BRIEF:
Copy out each line of the listing below in which the string "whole" occurs.
START DATA TO EXAMINE
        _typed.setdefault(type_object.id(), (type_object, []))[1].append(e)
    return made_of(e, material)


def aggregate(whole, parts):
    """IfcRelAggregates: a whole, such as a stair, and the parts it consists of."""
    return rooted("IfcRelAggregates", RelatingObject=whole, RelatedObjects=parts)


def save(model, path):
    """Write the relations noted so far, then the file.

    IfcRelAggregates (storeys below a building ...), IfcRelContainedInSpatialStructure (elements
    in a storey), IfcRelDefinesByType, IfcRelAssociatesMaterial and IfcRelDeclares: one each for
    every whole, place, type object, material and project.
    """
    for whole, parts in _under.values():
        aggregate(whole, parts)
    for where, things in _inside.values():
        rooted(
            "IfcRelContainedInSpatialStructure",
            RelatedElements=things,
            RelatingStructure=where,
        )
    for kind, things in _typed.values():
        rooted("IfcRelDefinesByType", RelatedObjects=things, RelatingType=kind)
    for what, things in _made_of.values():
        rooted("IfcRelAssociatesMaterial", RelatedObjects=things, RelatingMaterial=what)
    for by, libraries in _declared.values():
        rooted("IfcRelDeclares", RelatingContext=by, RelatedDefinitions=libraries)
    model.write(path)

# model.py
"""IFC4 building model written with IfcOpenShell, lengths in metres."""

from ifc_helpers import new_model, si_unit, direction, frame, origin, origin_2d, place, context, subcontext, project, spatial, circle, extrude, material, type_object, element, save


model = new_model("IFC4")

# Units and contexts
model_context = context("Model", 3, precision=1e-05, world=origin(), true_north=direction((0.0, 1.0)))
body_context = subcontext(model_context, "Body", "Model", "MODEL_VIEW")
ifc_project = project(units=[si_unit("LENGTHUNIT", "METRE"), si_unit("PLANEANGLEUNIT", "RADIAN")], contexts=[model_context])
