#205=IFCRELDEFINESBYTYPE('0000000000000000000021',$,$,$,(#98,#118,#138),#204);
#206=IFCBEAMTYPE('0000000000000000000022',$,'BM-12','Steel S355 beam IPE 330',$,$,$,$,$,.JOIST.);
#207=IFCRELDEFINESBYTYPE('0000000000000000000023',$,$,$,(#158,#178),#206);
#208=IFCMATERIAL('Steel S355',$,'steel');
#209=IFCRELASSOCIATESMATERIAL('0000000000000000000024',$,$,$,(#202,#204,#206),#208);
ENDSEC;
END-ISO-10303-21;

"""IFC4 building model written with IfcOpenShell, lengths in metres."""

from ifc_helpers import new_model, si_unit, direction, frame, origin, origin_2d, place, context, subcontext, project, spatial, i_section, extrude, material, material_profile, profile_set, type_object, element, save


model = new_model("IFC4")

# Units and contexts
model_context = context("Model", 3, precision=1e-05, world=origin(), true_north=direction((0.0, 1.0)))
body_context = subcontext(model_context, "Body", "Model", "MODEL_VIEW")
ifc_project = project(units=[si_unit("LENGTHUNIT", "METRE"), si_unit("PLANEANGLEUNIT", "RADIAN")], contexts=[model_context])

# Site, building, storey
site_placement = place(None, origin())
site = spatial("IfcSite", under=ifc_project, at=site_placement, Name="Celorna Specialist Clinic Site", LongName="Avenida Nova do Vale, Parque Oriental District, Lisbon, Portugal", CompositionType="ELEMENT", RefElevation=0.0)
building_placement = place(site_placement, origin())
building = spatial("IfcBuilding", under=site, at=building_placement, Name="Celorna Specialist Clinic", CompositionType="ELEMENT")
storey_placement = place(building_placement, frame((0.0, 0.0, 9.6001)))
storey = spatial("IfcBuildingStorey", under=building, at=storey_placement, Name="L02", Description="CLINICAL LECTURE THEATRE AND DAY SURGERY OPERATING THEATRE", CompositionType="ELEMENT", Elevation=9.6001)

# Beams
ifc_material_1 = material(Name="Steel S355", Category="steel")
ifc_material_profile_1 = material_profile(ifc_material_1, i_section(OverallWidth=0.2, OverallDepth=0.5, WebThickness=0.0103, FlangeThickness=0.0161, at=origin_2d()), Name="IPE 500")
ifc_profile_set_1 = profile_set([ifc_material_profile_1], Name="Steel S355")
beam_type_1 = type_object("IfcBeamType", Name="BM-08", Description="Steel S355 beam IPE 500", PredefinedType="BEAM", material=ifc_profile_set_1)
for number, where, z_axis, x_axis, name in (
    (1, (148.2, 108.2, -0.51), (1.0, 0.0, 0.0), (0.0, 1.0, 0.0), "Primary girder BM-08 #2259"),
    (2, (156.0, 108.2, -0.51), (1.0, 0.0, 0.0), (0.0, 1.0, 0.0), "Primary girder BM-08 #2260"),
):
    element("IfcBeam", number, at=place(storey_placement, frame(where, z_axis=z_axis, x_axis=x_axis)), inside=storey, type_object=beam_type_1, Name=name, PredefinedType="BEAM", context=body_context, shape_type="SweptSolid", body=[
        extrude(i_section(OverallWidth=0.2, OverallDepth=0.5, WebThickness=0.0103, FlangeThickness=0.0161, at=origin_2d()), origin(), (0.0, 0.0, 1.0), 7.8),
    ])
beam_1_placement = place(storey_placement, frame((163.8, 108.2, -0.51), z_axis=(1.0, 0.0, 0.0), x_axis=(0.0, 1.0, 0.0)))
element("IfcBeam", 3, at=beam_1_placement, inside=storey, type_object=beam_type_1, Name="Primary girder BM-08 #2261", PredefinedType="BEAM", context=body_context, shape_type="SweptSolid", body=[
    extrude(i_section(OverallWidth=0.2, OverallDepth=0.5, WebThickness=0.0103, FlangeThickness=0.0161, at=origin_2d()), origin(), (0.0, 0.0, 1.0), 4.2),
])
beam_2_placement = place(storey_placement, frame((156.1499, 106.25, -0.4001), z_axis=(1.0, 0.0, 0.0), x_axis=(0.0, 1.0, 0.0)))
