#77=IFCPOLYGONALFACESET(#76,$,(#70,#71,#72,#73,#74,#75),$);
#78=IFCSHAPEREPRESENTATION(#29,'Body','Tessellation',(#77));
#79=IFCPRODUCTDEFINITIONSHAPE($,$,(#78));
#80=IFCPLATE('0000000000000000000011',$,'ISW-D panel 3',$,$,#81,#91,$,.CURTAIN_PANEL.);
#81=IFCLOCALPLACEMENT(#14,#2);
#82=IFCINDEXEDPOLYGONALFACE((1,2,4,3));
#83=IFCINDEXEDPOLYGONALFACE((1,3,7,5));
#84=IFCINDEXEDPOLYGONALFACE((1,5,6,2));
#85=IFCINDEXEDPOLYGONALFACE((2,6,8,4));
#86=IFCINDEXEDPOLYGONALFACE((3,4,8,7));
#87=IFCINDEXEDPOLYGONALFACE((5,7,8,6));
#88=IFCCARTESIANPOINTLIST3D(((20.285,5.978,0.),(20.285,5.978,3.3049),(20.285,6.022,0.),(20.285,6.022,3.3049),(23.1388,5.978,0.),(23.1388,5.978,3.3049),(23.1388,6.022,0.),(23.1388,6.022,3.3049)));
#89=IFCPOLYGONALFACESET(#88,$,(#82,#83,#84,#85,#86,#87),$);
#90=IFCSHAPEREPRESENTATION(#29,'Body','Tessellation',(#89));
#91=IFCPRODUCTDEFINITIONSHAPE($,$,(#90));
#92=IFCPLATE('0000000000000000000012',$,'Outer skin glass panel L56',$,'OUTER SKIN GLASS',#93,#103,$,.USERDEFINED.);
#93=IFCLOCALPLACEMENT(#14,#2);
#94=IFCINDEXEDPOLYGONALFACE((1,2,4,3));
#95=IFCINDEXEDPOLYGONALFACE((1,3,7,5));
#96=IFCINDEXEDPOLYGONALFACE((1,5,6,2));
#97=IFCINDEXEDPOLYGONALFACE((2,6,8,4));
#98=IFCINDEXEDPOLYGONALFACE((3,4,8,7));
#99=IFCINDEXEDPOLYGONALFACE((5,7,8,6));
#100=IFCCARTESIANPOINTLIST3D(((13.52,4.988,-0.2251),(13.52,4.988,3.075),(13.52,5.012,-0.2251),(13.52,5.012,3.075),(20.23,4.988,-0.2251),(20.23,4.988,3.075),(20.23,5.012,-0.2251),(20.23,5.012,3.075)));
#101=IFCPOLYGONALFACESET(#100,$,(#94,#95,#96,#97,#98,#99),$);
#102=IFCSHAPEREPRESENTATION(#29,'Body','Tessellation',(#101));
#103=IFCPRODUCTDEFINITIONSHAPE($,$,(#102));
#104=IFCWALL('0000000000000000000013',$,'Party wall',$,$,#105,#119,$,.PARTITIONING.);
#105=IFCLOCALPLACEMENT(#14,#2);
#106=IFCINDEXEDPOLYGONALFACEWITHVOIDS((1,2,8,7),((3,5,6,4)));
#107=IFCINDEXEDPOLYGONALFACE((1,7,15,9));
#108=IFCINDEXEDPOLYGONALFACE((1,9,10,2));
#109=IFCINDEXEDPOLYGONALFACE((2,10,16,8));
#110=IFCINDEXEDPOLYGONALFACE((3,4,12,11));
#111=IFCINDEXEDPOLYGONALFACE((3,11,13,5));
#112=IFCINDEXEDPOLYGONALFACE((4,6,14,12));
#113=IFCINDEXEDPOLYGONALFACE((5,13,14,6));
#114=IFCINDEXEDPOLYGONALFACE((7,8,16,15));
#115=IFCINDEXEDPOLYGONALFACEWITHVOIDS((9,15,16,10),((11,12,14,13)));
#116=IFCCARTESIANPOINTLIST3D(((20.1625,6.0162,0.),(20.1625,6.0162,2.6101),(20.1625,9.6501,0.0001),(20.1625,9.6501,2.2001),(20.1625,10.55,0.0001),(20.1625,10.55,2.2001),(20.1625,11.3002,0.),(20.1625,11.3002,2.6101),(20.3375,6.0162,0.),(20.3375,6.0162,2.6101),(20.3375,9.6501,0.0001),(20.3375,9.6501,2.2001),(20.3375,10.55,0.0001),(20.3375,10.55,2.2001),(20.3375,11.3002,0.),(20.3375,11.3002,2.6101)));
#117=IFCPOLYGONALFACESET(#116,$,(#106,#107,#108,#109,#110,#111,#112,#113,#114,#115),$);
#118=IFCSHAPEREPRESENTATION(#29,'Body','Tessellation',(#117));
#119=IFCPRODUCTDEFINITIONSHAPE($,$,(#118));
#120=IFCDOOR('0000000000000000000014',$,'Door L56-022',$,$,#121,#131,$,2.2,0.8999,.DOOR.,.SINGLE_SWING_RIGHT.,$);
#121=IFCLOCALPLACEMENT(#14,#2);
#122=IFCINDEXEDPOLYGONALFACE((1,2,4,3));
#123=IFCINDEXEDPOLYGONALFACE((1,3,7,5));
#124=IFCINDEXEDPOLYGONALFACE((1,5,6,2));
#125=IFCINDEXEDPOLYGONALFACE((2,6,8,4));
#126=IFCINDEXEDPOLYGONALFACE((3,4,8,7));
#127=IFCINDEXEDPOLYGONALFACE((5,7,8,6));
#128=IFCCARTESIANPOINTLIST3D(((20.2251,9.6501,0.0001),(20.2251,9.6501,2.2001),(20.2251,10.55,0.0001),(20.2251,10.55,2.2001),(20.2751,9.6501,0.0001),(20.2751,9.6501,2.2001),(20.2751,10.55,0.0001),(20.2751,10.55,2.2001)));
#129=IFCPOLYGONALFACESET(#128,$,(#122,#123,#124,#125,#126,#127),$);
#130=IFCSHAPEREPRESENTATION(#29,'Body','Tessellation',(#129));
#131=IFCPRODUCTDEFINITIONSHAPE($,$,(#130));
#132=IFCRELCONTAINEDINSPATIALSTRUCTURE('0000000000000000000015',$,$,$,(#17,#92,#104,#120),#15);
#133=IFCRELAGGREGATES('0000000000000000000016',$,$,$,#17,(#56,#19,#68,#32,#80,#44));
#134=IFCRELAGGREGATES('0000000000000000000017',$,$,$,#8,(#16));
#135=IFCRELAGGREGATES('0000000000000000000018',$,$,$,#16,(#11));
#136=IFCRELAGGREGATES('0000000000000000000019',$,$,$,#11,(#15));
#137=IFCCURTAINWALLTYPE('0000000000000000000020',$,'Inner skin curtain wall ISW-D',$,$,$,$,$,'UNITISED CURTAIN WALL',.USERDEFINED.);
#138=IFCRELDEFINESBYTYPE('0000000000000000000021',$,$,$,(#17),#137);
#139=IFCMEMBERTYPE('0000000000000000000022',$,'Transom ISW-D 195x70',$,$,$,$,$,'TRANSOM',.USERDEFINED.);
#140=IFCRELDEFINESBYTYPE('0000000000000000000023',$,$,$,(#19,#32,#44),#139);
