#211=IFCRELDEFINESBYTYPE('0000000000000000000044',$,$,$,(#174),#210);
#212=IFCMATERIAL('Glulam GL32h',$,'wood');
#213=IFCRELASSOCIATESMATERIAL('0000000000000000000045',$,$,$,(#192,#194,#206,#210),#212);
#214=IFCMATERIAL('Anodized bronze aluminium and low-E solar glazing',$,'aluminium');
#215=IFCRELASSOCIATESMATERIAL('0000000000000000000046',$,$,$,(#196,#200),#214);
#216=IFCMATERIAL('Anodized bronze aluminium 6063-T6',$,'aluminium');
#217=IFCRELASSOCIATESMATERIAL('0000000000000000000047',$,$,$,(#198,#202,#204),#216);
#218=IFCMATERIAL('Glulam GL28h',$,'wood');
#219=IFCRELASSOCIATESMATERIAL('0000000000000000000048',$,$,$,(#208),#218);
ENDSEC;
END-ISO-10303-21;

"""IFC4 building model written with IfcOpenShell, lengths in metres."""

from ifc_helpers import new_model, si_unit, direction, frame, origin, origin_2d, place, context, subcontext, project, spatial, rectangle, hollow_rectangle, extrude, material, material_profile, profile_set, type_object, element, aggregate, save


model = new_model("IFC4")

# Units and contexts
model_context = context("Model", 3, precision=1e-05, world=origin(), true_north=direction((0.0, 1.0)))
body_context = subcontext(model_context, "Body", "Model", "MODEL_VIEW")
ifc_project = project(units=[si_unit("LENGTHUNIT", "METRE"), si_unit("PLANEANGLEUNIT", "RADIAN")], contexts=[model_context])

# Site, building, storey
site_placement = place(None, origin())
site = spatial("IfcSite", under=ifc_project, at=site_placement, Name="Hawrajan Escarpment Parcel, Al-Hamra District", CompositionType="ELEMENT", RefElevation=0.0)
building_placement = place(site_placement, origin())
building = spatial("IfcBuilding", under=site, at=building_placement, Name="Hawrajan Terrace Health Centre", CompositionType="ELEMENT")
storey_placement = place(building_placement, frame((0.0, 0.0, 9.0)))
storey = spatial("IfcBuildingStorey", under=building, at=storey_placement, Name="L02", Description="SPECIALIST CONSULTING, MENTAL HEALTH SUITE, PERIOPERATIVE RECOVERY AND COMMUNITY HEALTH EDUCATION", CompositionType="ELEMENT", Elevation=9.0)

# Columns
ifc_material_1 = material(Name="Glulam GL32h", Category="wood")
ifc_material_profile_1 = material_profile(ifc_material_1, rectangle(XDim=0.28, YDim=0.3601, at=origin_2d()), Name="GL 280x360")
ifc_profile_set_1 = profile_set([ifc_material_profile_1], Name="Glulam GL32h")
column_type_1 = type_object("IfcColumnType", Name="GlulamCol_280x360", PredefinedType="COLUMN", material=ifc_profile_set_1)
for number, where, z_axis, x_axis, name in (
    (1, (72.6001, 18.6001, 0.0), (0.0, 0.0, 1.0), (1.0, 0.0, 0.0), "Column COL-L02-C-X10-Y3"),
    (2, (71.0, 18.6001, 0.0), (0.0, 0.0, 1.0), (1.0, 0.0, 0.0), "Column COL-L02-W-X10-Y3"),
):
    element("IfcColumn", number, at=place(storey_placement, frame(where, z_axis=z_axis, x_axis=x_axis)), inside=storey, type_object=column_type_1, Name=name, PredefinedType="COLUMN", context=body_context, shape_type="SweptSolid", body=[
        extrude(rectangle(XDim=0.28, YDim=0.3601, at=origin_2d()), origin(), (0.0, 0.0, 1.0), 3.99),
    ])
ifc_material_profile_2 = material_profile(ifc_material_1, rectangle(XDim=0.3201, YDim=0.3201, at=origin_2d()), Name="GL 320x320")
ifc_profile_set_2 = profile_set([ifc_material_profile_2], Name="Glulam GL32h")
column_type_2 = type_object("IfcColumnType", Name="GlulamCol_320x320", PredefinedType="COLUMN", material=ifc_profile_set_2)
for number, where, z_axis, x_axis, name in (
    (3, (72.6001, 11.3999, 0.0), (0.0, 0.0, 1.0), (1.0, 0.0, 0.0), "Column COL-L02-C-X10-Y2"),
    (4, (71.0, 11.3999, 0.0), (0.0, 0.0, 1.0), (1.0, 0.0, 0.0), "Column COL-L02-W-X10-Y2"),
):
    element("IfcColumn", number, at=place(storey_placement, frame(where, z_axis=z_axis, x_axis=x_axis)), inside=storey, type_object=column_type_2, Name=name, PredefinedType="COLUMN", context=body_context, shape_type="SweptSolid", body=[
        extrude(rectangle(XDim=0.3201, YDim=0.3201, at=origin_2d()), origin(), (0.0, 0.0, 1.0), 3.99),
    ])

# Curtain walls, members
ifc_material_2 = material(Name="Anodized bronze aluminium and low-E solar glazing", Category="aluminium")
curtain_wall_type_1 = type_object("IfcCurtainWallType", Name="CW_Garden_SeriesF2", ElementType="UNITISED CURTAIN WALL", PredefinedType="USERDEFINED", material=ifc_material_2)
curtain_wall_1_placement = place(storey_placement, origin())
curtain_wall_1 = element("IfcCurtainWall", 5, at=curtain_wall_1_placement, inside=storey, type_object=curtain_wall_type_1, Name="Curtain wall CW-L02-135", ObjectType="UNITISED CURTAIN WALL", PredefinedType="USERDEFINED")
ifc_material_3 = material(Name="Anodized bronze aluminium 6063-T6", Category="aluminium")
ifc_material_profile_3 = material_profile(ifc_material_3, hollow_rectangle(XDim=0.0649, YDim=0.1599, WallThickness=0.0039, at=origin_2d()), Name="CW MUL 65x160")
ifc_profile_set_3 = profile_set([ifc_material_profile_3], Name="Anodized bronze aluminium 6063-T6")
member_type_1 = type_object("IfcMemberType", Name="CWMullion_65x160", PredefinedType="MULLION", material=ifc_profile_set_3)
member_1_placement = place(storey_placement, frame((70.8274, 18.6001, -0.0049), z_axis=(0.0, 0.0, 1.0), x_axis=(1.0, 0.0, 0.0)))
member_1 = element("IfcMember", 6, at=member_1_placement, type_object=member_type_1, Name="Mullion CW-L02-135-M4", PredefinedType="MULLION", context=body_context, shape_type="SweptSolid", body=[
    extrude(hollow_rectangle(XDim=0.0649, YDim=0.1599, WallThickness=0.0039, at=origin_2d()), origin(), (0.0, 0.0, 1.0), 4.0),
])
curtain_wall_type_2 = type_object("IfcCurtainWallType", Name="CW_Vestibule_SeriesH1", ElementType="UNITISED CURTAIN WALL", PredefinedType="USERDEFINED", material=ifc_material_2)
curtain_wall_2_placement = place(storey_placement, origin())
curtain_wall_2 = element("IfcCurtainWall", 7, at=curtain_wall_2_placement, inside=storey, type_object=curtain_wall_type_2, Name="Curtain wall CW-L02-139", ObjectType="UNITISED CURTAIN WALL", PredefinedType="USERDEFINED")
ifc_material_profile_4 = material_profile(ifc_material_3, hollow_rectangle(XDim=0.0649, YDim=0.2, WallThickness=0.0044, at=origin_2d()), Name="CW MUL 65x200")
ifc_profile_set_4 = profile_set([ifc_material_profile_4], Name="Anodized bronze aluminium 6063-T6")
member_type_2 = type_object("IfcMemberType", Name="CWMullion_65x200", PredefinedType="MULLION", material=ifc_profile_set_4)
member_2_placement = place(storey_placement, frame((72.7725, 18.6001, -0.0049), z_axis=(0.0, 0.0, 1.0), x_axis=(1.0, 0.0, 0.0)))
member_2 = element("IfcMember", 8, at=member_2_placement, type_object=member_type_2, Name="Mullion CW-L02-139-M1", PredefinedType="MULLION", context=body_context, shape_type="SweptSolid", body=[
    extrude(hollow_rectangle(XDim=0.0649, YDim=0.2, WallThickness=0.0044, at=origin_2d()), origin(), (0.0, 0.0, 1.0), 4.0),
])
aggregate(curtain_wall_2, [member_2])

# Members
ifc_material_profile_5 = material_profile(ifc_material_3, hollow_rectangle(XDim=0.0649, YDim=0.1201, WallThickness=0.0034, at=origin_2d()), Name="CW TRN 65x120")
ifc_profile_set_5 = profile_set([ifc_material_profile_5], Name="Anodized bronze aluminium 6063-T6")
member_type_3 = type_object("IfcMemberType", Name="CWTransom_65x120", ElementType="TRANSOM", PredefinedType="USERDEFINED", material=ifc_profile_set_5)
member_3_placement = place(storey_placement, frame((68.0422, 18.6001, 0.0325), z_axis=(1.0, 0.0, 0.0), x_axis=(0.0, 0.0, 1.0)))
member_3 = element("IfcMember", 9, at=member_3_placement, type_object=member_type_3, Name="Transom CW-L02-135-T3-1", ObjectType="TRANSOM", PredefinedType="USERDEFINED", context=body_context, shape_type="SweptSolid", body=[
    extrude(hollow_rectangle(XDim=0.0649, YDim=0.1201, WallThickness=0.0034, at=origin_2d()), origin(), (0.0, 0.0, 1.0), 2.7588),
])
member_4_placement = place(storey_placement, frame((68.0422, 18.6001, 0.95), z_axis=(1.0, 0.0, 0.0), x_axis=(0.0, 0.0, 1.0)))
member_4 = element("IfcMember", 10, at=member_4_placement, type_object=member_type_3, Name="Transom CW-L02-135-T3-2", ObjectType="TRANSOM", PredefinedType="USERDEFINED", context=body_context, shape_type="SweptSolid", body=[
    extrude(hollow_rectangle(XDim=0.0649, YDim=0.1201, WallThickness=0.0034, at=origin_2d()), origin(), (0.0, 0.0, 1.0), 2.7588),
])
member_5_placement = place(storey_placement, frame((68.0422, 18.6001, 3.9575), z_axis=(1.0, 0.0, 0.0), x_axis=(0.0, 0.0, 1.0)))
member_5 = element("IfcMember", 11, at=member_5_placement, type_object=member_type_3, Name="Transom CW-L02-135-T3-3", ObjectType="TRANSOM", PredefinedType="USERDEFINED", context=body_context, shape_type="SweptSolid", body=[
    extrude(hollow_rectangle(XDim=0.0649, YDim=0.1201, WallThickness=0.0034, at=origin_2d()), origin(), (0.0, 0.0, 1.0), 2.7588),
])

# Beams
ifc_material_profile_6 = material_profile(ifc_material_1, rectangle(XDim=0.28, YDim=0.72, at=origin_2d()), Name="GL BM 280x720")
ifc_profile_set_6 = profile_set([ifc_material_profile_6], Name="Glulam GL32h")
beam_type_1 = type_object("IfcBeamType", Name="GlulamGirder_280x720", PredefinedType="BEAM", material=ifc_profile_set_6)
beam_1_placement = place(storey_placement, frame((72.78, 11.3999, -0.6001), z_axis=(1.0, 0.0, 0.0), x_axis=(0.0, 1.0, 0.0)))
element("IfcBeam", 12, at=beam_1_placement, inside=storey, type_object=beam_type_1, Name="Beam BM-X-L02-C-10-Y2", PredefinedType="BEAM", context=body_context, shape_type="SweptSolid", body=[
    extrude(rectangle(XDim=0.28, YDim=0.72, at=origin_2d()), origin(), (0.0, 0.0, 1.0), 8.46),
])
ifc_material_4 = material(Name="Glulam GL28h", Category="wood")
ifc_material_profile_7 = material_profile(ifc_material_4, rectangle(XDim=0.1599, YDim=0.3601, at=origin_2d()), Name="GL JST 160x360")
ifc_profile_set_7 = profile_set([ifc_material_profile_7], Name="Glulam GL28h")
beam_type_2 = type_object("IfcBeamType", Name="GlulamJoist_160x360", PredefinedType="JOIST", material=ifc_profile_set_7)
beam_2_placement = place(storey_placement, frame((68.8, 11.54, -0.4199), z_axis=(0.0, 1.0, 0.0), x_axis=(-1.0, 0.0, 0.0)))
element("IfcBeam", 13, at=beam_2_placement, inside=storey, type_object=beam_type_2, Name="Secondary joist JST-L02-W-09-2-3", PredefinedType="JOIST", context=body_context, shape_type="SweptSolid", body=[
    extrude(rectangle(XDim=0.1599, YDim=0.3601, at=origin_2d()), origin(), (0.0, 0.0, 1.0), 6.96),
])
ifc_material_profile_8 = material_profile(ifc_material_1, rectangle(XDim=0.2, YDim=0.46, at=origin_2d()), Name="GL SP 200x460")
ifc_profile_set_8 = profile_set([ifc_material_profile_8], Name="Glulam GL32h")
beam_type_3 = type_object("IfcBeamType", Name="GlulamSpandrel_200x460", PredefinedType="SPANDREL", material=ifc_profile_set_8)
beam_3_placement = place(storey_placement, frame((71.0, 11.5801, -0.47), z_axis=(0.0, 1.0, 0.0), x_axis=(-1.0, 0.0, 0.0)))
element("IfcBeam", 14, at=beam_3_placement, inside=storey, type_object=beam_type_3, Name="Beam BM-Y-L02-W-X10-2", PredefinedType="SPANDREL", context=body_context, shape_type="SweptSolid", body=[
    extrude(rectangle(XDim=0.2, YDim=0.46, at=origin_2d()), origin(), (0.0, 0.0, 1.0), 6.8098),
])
END DATA TO EXAMINE
TASK OUTPUT:
def aggregate(whole, parts):
    """IfcRelAggregates: a whole, such as a stair, and the parts it consists of."""
    return rooted("IfcRelAggregates", RelatingObject=whole, RelatedObjects=parts)
    every whole, place, type object, material and project.
    for whole, parts in _under.values():
        aggregate(whole, parts)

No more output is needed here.